Assigned task: Find every line in the records below that holds the word "IFCSHAPEREPRESENTATION" and copy it.
======== Records for the task
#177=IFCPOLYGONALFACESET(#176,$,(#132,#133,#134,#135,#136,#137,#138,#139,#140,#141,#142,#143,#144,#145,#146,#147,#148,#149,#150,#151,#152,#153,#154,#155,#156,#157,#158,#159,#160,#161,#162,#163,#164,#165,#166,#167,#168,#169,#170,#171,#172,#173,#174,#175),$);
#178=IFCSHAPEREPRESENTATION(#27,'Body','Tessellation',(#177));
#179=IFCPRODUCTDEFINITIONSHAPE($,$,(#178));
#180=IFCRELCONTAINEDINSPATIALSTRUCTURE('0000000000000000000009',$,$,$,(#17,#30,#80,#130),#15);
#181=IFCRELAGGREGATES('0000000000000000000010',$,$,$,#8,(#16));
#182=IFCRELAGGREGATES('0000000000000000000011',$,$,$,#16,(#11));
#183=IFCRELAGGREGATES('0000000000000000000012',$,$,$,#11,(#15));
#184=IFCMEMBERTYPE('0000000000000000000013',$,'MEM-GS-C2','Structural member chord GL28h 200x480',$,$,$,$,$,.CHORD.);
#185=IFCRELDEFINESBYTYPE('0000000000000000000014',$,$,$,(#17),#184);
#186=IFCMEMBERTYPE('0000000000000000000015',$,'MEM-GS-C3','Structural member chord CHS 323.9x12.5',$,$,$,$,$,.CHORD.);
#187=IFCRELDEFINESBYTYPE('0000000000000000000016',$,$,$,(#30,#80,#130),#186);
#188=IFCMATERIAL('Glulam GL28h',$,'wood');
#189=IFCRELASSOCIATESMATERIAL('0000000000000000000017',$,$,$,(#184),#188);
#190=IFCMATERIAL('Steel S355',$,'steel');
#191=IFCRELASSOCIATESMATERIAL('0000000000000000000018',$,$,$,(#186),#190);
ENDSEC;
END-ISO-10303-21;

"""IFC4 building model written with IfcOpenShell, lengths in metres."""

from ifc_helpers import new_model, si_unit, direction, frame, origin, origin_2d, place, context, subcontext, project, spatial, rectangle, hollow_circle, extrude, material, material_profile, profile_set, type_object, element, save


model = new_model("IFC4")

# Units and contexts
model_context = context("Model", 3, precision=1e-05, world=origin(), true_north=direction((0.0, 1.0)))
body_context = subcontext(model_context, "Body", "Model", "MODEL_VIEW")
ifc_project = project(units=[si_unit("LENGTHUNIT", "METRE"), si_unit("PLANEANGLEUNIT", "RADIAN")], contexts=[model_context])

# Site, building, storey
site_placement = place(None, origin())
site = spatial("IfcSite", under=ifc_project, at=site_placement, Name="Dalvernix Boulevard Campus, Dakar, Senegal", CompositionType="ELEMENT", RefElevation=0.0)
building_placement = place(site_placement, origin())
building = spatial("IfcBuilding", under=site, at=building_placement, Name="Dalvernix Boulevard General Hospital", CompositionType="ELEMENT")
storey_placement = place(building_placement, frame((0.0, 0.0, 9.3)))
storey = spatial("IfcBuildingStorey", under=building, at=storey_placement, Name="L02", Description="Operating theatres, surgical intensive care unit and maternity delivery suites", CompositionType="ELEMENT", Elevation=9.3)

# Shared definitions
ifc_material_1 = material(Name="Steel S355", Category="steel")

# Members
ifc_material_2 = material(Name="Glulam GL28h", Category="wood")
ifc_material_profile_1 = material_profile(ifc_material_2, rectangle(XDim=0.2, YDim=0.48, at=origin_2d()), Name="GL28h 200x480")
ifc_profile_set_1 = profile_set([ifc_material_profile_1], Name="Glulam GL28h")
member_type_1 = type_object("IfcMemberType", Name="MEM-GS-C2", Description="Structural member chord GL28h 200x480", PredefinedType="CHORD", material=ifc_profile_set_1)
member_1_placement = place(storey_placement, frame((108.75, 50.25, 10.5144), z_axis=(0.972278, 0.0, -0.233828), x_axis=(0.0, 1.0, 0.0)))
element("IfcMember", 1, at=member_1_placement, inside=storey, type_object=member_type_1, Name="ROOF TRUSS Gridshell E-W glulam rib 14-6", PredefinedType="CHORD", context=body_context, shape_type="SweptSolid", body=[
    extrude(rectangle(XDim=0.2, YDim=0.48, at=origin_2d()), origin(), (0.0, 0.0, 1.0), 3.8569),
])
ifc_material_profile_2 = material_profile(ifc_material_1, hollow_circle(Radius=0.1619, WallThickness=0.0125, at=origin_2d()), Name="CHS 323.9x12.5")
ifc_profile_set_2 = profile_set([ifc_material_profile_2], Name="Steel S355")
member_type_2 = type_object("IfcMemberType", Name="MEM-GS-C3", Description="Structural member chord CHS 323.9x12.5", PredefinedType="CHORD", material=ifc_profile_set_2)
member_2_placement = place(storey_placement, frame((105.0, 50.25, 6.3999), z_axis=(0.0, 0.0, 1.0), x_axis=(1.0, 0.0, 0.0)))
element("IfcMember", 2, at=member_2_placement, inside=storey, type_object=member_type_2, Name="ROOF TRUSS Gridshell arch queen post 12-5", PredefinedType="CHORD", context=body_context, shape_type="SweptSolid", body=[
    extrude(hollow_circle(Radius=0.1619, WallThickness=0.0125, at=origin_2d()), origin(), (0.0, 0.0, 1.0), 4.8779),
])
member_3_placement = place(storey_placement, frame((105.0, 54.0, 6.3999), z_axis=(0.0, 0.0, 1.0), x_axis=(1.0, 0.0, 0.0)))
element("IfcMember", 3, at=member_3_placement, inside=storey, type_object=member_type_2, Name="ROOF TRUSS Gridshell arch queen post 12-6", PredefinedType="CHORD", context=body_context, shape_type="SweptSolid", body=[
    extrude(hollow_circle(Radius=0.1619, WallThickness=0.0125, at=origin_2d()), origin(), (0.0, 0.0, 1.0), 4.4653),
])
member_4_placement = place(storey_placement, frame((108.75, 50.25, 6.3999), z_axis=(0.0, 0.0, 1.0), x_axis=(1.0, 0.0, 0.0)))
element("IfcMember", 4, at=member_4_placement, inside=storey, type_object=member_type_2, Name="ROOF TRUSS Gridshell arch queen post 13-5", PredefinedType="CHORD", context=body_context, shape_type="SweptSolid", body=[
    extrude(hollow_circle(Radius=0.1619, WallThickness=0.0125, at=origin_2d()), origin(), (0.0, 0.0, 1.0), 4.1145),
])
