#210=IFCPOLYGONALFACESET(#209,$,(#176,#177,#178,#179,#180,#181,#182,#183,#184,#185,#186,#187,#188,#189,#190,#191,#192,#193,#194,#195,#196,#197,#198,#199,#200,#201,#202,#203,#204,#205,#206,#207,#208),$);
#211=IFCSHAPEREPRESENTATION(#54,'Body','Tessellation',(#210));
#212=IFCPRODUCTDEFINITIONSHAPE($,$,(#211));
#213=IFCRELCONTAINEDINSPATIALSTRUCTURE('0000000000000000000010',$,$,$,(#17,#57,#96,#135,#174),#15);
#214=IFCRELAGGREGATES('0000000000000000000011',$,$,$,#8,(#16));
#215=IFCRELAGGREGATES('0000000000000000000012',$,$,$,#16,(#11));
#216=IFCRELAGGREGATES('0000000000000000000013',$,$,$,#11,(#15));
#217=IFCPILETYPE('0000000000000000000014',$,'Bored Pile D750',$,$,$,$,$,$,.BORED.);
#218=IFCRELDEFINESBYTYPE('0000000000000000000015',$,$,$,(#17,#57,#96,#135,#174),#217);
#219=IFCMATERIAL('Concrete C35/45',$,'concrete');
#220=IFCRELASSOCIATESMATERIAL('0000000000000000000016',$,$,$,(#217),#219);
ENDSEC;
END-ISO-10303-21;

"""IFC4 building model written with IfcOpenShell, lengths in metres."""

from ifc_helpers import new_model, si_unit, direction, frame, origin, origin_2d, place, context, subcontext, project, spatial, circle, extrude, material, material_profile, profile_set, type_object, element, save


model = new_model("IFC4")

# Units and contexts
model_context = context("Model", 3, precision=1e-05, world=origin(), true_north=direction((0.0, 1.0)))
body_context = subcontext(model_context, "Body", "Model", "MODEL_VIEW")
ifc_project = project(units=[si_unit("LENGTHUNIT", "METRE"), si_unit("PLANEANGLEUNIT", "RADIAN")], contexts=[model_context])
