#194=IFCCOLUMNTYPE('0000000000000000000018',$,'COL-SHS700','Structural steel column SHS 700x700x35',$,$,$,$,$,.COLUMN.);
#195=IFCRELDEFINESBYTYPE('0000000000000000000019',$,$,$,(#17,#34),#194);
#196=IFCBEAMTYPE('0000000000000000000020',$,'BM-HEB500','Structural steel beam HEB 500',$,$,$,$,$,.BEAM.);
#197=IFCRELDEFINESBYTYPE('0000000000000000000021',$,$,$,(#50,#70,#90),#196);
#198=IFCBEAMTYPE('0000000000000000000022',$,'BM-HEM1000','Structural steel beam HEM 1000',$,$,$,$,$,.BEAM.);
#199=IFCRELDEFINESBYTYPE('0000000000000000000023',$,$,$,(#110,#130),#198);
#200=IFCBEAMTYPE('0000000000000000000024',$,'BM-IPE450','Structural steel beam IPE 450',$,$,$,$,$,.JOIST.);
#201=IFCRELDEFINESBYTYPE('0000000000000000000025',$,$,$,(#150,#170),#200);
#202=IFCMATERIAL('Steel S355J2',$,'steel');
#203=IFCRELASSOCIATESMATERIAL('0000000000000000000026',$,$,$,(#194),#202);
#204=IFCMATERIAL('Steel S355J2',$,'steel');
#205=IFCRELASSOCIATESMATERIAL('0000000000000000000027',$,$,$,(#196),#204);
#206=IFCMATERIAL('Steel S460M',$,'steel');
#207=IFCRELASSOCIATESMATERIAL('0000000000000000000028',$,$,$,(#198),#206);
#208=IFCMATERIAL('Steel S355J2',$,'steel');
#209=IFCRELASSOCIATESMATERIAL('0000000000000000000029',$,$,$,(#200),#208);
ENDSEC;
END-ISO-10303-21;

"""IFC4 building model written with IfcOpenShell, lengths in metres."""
================
======== Records for the task
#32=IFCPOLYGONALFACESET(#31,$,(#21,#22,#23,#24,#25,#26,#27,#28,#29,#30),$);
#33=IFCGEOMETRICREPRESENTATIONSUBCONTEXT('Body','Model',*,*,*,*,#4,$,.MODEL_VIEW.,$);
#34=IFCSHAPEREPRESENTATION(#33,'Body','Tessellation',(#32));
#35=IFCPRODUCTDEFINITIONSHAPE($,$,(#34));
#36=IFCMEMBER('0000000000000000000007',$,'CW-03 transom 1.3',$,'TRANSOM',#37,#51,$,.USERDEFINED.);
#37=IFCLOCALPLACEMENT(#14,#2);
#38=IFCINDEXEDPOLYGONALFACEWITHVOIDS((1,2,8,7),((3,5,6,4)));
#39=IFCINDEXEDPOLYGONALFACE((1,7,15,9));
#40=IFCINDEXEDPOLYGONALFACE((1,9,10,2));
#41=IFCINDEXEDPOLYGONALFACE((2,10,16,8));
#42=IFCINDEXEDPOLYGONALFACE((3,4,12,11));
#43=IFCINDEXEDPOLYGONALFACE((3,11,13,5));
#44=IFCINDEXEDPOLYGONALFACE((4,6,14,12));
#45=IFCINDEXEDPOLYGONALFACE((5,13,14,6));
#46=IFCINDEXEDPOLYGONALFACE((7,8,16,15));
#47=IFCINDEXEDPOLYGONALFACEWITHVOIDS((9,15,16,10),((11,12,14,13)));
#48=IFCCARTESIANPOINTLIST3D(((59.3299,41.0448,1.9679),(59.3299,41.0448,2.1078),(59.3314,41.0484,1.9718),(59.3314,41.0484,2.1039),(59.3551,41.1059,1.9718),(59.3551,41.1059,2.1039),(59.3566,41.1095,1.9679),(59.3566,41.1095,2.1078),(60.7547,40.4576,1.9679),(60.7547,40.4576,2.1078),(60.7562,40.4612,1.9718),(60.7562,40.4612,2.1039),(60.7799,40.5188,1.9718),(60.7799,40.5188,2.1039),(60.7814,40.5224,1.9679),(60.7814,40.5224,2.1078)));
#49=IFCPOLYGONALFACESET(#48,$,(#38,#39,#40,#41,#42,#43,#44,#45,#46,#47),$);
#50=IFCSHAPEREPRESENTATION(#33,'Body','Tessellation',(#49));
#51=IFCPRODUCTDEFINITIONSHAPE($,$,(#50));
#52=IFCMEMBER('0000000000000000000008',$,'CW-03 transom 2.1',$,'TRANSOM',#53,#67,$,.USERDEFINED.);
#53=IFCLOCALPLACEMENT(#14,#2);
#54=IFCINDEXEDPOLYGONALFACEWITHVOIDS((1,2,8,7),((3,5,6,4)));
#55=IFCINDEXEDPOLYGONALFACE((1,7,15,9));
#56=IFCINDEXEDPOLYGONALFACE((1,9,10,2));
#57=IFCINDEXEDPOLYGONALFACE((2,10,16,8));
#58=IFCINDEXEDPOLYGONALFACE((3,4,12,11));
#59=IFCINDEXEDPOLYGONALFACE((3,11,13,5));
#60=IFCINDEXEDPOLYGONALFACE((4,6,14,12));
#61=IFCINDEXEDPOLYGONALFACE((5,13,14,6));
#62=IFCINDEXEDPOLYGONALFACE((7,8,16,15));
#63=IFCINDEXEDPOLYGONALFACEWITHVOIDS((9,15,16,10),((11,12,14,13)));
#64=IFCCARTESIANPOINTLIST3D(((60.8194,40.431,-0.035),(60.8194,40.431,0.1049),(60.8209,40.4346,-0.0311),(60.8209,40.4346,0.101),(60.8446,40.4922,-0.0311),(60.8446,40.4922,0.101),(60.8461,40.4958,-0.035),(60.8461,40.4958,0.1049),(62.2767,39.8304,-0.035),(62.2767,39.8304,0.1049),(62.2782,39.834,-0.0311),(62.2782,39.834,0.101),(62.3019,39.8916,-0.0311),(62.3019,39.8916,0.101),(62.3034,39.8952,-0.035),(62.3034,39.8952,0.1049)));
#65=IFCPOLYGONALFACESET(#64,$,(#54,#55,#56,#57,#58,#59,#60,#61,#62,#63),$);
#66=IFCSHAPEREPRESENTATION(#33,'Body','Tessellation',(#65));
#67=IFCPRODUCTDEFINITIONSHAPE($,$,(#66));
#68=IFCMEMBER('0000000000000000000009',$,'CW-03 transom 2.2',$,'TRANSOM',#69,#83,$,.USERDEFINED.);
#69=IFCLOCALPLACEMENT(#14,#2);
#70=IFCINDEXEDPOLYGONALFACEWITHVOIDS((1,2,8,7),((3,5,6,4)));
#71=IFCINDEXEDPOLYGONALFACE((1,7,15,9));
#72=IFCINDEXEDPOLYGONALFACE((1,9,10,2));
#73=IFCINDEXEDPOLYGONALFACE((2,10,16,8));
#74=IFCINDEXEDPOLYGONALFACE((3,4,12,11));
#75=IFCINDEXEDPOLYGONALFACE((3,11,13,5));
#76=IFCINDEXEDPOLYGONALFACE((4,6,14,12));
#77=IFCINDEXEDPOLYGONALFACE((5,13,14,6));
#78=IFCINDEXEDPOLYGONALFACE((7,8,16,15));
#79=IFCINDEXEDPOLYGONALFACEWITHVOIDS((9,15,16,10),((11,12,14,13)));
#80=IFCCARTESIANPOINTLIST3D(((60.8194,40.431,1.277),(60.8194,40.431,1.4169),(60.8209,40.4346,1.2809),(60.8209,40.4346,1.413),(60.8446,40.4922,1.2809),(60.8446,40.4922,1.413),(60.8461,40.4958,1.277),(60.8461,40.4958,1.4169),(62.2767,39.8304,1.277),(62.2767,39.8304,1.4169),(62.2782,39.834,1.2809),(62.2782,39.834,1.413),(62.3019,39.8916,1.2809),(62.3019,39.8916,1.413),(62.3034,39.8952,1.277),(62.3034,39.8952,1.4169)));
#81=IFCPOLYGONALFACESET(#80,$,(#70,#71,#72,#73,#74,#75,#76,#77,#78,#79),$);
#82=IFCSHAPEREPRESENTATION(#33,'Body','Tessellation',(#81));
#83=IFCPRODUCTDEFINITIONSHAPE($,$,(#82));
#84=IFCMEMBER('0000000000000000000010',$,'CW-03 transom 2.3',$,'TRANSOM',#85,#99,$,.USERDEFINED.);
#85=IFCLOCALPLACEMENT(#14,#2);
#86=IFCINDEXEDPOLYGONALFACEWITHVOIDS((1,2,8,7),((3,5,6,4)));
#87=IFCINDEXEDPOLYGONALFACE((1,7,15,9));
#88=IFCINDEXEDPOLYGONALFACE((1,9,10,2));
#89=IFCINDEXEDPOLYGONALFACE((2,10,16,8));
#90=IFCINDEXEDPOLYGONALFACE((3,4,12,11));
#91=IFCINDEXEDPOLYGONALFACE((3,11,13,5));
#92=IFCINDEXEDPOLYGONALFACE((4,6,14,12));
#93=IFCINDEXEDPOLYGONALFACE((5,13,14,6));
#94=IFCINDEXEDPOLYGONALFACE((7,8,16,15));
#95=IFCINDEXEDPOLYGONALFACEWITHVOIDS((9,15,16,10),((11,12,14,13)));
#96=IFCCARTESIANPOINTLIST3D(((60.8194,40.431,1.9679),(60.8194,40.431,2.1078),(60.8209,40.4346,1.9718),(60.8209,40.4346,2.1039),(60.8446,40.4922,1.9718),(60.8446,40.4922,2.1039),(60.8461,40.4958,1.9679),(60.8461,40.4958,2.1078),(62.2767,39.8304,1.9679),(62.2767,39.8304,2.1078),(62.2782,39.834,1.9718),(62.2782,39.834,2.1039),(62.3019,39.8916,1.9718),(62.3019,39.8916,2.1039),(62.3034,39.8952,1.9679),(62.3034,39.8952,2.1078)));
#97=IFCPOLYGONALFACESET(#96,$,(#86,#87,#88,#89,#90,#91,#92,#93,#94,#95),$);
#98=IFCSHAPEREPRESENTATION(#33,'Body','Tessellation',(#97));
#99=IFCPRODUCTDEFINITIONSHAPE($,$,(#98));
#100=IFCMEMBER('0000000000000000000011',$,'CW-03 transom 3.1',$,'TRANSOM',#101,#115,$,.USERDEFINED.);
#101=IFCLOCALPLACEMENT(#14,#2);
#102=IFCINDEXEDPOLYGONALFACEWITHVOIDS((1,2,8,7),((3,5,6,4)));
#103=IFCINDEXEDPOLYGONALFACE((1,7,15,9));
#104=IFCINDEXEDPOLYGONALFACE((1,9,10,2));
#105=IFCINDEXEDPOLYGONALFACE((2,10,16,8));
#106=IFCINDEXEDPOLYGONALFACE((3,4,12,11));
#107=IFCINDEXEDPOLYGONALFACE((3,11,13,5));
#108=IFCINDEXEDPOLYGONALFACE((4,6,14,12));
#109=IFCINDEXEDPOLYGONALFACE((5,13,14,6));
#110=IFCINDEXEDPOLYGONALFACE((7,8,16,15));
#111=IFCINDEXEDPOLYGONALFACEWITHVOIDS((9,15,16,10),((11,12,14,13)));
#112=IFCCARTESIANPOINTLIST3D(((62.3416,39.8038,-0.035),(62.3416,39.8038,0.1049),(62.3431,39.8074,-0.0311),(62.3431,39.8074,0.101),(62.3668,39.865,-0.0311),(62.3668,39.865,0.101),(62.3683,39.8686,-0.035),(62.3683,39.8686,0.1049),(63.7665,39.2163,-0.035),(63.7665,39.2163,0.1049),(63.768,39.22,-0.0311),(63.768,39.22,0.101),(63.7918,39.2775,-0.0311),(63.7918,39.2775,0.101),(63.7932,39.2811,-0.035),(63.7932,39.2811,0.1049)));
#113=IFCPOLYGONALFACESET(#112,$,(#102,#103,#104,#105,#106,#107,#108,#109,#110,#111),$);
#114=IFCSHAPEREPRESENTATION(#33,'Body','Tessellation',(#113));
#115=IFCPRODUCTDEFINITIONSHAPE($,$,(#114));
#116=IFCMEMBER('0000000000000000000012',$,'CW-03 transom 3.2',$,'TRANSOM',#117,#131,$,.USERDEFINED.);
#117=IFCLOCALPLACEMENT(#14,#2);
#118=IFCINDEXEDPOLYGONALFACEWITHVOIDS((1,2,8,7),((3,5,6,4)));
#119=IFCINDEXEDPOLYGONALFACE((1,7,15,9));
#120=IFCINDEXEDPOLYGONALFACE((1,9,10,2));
================
======== Records for the task
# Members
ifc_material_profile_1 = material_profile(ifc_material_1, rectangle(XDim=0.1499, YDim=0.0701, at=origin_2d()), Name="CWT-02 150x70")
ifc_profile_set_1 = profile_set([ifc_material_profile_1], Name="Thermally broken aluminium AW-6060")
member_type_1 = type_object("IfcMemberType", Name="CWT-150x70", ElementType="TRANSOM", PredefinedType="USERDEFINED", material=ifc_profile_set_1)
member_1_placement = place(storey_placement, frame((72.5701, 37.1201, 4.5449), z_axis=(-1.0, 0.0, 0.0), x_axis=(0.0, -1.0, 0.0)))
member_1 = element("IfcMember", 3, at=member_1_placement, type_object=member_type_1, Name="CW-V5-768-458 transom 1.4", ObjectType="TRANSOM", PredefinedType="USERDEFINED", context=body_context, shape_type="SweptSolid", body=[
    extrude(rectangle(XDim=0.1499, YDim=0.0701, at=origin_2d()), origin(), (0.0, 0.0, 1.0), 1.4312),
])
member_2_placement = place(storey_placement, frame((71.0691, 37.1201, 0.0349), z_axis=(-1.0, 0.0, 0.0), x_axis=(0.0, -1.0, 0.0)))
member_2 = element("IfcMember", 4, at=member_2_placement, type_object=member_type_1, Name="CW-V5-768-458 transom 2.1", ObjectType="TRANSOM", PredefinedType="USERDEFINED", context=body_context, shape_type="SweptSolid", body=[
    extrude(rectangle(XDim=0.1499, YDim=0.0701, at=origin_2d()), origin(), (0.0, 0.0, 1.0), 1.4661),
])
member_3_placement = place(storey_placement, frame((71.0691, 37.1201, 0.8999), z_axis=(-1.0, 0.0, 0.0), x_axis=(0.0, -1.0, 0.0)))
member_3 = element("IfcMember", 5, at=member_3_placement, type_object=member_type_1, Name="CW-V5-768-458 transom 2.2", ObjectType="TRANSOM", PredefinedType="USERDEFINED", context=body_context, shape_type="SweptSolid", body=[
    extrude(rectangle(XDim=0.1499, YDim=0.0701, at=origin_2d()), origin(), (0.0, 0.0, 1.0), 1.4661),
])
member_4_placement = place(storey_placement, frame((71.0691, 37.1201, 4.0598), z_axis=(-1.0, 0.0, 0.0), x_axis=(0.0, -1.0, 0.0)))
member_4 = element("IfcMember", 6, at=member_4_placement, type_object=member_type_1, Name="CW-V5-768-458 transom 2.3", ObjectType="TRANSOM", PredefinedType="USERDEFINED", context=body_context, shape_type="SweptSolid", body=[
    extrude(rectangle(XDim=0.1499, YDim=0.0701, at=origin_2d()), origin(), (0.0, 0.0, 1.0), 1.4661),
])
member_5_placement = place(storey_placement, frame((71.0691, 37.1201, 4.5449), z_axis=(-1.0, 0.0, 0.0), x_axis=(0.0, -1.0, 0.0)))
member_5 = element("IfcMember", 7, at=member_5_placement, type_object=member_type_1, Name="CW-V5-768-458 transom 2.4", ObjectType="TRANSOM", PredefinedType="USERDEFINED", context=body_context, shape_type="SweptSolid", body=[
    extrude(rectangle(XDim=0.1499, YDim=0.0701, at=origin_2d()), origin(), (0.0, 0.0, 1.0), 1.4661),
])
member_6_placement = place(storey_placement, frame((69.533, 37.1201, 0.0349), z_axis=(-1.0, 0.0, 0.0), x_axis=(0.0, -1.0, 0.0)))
================
Response to this task:
#178=IFCSHAPEREPRESENTATION(#27,'Body','Tessellation',(#177));
#211=IFCSHAPEREPRESENTATION(#54,'Body','Tessellation',(#210));
#34=IFCSHAPEREPRESENTATION(#33,'Body','Tessellation',(#32));
#50=IFCSHAPEREPRESENTATION(#33,'Body','Tessellation',(#49));
#66=IFCSHAPEREPRESENTATION(#33,'Body','Tessellation',(#65));
#82=IFCSHAPEREPRESENTATION(#33,'Body','Tessellation',(#81));
#98=IFCSHAPEREPRESENTATION(#33,'Body','Tessellation',(#97));
#114=IFCSHAPEREPRESENTATION(#33,'Body','Tessellation',(#113));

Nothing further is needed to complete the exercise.